- **Task description**:
Provide the number of lines in the entries below containing "Slab", with no further words.

::: Material provided :::

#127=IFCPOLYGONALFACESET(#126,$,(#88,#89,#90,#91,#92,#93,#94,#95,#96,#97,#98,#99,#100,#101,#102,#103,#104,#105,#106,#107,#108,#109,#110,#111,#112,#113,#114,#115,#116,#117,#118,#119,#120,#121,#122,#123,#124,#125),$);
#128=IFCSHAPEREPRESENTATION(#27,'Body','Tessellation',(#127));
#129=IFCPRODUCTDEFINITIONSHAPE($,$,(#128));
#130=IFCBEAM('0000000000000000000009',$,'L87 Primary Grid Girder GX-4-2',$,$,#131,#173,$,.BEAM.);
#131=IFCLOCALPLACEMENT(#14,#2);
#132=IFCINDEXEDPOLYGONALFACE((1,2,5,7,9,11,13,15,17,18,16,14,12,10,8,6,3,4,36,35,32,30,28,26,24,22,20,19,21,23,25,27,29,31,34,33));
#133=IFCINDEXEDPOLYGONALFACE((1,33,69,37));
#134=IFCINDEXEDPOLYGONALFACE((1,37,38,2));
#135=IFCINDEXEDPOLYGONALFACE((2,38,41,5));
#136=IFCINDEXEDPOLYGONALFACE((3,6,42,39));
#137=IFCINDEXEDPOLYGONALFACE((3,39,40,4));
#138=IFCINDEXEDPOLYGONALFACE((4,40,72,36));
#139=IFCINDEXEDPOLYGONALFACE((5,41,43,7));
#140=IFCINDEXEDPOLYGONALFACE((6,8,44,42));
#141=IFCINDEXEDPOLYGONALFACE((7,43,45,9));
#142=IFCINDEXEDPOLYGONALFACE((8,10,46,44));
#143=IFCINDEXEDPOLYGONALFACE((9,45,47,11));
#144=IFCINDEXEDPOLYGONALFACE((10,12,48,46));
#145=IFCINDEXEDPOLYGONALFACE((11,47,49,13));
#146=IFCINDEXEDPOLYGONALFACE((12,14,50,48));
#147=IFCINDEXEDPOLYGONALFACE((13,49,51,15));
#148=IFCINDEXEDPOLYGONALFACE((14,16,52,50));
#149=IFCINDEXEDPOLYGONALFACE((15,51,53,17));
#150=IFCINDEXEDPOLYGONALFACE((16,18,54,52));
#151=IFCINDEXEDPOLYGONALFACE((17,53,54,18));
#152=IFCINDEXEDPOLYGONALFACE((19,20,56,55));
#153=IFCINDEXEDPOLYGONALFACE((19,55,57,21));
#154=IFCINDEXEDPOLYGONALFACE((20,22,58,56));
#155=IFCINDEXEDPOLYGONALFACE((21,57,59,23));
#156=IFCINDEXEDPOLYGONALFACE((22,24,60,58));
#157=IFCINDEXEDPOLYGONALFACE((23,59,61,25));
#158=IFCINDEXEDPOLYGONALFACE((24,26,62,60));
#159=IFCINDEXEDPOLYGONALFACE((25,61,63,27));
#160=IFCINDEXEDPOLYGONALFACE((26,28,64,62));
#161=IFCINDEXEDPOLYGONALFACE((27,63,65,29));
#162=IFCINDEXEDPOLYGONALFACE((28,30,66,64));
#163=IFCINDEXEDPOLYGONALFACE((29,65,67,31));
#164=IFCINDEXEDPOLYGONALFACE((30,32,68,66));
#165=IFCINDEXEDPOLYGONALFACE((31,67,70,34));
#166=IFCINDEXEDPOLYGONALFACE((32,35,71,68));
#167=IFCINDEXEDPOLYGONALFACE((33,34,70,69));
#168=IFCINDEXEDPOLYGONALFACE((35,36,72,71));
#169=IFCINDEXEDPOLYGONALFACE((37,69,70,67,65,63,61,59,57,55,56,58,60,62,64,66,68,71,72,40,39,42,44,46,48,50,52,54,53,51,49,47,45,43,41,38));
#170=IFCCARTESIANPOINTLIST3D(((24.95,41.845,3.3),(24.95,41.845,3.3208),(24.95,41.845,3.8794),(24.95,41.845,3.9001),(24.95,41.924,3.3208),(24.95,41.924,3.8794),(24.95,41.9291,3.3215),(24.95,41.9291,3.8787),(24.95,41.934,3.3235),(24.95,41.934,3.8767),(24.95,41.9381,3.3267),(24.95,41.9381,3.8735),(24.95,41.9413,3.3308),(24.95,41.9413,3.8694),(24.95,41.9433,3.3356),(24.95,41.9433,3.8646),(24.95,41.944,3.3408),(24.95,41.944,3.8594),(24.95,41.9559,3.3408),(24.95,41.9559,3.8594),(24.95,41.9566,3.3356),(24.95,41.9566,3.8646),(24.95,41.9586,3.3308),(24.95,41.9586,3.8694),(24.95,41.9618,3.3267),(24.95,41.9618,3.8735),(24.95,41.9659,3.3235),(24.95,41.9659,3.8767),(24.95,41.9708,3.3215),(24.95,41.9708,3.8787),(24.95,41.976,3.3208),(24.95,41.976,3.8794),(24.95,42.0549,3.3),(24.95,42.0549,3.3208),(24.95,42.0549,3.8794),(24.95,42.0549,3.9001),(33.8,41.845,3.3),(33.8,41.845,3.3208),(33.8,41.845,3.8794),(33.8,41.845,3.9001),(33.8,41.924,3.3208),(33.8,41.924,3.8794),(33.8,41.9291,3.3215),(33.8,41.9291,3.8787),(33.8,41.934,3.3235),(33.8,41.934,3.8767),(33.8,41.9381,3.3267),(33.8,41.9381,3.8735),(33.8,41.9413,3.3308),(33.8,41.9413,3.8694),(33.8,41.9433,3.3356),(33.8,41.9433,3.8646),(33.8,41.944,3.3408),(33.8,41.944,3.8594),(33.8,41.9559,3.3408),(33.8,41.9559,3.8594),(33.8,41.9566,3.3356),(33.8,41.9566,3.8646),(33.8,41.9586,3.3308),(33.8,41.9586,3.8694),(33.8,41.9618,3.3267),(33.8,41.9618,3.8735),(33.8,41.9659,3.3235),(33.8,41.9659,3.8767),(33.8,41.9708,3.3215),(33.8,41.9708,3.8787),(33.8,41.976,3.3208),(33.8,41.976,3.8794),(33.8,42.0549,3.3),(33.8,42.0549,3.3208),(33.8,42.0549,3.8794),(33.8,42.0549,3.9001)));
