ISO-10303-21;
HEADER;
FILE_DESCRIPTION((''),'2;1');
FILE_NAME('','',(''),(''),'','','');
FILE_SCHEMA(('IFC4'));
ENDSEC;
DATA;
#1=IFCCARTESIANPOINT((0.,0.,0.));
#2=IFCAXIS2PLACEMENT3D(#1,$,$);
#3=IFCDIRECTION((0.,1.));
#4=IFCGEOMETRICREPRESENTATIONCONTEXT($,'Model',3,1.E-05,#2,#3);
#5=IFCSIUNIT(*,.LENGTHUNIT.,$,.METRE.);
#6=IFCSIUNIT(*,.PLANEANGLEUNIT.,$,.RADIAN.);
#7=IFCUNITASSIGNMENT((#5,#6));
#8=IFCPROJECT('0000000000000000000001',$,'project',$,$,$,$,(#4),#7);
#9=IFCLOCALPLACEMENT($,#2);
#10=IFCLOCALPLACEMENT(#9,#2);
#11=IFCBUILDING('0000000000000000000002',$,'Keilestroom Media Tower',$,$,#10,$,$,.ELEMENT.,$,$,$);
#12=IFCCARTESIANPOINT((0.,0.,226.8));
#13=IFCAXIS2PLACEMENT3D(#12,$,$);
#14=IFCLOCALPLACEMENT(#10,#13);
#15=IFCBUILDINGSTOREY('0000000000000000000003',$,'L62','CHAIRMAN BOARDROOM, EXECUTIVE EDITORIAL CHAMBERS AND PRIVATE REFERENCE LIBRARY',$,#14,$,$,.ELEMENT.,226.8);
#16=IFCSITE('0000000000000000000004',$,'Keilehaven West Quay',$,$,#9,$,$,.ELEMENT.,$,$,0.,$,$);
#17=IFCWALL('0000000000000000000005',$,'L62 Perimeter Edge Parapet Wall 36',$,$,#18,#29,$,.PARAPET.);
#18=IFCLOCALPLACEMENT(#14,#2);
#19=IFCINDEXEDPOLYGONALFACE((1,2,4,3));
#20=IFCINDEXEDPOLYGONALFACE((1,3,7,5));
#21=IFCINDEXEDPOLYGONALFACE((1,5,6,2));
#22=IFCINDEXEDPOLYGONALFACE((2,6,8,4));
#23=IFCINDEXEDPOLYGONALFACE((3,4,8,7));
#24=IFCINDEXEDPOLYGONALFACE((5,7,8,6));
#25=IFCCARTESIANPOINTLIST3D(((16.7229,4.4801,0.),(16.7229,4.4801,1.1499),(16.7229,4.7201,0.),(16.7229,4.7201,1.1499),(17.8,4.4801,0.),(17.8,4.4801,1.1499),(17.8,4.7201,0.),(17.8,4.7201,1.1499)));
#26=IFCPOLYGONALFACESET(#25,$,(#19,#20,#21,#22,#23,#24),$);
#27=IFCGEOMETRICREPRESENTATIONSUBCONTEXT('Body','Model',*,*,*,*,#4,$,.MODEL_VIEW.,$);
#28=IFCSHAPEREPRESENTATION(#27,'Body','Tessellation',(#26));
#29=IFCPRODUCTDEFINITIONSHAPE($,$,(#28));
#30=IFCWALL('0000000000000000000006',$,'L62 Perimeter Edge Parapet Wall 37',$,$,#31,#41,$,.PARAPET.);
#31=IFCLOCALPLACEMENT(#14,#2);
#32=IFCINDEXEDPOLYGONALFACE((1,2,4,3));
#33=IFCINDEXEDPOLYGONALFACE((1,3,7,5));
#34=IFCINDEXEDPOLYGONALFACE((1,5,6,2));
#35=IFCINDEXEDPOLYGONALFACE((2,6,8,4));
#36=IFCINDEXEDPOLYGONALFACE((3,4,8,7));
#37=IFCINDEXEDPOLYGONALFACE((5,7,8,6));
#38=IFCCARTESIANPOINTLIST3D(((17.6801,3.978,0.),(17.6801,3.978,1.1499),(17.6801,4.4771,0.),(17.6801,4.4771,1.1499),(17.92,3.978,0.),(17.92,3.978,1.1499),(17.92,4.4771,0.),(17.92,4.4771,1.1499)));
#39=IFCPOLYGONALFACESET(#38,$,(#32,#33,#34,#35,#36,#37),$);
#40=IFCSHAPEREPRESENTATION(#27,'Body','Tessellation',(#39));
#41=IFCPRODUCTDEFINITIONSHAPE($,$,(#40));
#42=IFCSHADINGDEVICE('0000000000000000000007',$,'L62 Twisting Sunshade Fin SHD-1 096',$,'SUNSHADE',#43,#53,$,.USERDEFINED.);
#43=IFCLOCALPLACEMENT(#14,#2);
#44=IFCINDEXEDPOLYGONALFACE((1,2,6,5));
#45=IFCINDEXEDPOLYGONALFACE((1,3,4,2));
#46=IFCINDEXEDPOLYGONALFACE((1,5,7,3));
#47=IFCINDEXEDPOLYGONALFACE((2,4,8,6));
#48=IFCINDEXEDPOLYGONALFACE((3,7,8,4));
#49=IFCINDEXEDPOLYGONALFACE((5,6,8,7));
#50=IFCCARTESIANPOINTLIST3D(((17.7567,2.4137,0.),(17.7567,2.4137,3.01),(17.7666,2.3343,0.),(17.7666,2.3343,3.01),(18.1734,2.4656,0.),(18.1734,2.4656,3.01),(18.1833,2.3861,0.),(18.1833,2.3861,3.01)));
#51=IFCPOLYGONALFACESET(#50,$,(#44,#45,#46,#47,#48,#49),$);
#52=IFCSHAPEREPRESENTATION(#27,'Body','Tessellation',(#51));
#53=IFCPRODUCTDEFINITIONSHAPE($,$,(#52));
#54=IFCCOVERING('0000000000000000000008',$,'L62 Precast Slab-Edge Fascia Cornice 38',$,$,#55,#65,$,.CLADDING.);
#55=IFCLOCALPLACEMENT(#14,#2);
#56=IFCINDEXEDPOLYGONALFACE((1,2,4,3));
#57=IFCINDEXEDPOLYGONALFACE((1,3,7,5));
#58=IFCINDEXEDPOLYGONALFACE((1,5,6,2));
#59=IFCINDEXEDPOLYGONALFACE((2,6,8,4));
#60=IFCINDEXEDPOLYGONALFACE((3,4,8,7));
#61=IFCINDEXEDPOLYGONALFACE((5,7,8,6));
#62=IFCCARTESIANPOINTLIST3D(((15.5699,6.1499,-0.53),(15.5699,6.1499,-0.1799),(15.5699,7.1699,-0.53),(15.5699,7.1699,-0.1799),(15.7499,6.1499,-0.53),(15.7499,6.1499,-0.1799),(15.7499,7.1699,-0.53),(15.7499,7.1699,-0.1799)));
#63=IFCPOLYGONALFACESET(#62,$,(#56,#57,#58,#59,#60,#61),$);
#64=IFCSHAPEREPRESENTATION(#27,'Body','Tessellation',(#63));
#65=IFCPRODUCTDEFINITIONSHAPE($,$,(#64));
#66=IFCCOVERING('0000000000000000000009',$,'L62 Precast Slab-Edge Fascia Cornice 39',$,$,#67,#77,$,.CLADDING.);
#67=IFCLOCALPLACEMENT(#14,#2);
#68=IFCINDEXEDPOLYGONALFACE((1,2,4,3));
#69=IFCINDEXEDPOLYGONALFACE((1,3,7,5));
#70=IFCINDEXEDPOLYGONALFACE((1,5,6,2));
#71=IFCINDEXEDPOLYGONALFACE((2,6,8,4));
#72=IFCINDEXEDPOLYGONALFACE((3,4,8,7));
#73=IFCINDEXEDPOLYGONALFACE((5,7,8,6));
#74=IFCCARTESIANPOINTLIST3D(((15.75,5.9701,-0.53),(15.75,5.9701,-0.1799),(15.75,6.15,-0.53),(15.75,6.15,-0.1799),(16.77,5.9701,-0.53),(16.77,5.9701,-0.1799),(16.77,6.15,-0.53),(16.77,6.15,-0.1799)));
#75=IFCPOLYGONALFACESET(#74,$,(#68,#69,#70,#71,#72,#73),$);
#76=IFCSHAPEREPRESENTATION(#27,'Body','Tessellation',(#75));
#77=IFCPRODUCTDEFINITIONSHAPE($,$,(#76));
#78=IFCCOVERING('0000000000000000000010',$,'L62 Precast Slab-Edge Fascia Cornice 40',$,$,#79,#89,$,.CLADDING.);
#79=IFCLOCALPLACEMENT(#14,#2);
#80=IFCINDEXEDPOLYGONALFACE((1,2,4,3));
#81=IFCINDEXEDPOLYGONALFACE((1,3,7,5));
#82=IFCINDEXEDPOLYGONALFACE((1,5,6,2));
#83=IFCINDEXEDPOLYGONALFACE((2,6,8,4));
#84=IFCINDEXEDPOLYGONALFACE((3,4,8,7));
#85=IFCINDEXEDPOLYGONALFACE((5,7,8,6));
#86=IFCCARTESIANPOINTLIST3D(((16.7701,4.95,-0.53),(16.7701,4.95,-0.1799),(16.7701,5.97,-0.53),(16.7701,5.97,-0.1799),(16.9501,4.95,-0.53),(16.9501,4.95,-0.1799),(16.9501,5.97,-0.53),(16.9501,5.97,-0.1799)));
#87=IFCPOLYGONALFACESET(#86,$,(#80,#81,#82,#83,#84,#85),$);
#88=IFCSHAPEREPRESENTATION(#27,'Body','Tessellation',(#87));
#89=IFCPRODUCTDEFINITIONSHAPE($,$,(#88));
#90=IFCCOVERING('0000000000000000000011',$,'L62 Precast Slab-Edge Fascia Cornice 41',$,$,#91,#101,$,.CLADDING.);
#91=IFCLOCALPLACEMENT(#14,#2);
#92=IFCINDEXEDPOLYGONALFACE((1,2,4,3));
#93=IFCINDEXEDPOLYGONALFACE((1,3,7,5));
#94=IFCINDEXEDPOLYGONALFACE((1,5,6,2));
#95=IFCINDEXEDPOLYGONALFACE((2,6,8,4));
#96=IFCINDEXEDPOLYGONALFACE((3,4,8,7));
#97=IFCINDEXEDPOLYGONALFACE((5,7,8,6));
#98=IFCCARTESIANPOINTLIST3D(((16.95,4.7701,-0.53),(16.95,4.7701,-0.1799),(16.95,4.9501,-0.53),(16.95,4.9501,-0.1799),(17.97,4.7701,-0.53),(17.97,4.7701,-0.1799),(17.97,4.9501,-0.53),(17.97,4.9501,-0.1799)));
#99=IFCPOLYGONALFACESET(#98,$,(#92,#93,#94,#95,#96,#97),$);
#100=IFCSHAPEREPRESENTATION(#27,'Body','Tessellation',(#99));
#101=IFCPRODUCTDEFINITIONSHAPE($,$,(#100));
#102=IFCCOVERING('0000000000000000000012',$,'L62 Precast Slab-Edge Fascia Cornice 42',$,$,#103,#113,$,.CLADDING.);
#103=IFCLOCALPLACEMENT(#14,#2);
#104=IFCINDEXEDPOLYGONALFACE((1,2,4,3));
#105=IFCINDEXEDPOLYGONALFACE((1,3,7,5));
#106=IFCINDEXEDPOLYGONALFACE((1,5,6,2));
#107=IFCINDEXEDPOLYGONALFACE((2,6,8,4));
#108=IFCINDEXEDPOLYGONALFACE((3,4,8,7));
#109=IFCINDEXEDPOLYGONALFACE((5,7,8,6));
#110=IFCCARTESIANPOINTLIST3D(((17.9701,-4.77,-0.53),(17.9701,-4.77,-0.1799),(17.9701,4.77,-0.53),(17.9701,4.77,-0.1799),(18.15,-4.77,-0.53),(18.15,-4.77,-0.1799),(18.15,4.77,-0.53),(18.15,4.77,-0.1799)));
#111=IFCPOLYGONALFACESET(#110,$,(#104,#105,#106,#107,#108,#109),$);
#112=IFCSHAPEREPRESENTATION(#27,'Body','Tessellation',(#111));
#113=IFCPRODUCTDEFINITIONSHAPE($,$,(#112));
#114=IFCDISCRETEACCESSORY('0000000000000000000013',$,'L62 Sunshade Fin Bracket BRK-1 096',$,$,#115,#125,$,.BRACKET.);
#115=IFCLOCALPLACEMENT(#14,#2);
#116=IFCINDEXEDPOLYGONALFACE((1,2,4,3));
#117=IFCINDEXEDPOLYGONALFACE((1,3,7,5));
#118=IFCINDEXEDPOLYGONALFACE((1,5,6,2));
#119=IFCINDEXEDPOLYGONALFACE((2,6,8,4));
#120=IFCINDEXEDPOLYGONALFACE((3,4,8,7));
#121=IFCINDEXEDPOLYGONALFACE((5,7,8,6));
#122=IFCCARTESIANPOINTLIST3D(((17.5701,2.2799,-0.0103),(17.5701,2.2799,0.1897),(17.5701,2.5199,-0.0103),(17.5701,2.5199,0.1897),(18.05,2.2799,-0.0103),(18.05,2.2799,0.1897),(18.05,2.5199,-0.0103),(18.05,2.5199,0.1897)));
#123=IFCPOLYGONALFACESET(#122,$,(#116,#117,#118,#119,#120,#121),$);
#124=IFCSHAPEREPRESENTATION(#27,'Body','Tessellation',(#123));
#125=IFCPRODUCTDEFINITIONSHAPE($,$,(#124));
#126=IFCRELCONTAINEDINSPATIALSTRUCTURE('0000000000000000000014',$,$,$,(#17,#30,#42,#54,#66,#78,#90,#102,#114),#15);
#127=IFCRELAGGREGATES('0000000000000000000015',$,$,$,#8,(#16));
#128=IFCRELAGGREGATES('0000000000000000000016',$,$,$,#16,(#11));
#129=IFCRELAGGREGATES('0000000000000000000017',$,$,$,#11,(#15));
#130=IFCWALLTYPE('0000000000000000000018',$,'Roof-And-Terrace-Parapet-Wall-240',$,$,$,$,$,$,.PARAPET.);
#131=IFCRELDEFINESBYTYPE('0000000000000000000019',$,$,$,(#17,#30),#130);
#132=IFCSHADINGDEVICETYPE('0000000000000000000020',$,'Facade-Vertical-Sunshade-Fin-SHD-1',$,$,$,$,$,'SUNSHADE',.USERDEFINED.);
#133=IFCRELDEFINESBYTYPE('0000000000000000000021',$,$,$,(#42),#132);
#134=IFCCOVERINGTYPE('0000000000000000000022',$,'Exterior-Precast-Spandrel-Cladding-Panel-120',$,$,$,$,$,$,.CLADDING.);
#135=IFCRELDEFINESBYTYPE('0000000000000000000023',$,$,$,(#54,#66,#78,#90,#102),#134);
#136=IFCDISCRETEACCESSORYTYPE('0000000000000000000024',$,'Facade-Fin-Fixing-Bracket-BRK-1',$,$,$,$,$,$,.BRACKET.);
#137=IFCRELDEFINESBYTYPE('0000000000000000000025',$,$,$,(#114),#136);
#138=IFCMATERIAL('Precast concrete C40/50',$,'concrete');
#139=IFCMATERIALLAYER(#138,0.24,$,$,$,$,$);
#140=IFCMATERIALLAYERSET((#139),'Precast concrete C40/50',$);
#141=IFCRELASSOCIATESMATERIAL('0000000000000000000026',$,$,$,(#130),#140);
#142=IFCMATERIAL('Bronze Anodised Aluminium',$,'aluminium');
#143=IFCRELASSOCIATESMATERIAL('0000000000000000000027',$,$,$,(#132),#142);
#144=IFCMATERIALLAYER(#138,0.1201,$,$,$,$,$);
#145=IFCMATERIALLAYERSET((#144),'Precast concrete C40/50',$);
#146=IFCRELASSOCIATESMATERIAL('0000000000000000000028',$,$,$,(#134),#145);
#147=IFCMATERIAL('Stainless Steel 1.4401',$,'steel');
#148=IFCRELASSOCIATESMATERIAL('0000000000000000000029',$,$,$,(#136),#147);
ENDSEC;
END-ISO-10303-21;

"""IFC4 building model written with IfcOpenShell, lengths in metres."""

from ifc_helpers import new_model, si_unit, direction, frame, frame_2d, origin, origin_2d, place, context, subcontext, project, spatial, rectangle, extrude, source, transform, mapped, material, layer, layer_set, type_object, element, save


model = new_model("IFC4")

# Units and contexts
model_context = context("Model", 3, precision=1e-05, world=origin(), true_north=direction((0.0, 1.0)))
body_context = subcontext(model_context, "Body", "Model", "MODEL_VIEW")
ifc_project = project(units=[si_unit("LENGTHUNIT", "METRE"), si_unit("PLANEANGLEUNIT", "RADIAN")], contexts=[model_context])

# Site, building, storey
site_placement = place(None, origin())
site = spatial("IfcSite", under=ifc_project, at=site_placement, Name="Keilehaven West Quay", CompositionType="ELEMENT", RefElevation=0.0)
building_placement = place(site_placement, origin())
building = spatial("IfcBuilding", under=site, at=building_placement, Name="Keilestroom Media Tower", CompositionType="ELEMENT")
storey_placement = place(building_placement, frame((0.0, 0.0, 226.8)))
storey = spatial("IfcBuildingStorey", under=building, at=storey_placement, Name="L62", Description="CHAIRMAN BOARDROOM, EXECUTIVE EDITORIAL CHAMBERS AND PRIVATE REFERENCE LIBRARY", CompositionType="ELEMENT", Elevation=226.8)

# Shared definitions
ifc_material_1 = material(Name="Precast concrete C40/50", Category="concrete")

# Walls
ifc_layer_1 = layer(ifc_material_1, 0.24)
ifc_layer_set_1 = layer_set([ifc_layer_1], Name="Precast concrete C40/50")
wall_type = type_object("IfcWallType", Name="Roof-And-Terrace-Parapet-Wall-240", PredefinedType="PARAPET", material=ifc_layer_set_1)
wall_1_placement = place(storey_placement, frame((16.7229, 4.6001, 0.0), z_axis=(0.0, 0.0, 1.0), x_axis=(1.0, 0.0, 0.0)))
element("IfcWall", 1, at=wall_1_placement, inside=storey, type_object=wall_type, Name="L62 Perimeter Edge Parapet Wall 36", PredefinedType="PARAPET", context=body_context, shape_type="SweptSolid", body=[
    extrude(rectangle(XDim=1.0771, YDim=0.24, at=frame_2d((0.5386, 0.0))), origin(), (0.0, 0.0, 1.0), 1.1499),
])
wall_2_placement = place(storey_placement, frame((17.8, 4.4771, 0.0), z_axis=(0.0, 0.0, 1.0), x_axis=(0.0, -1.0, 0.0)))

:::

- **Completed task**:
5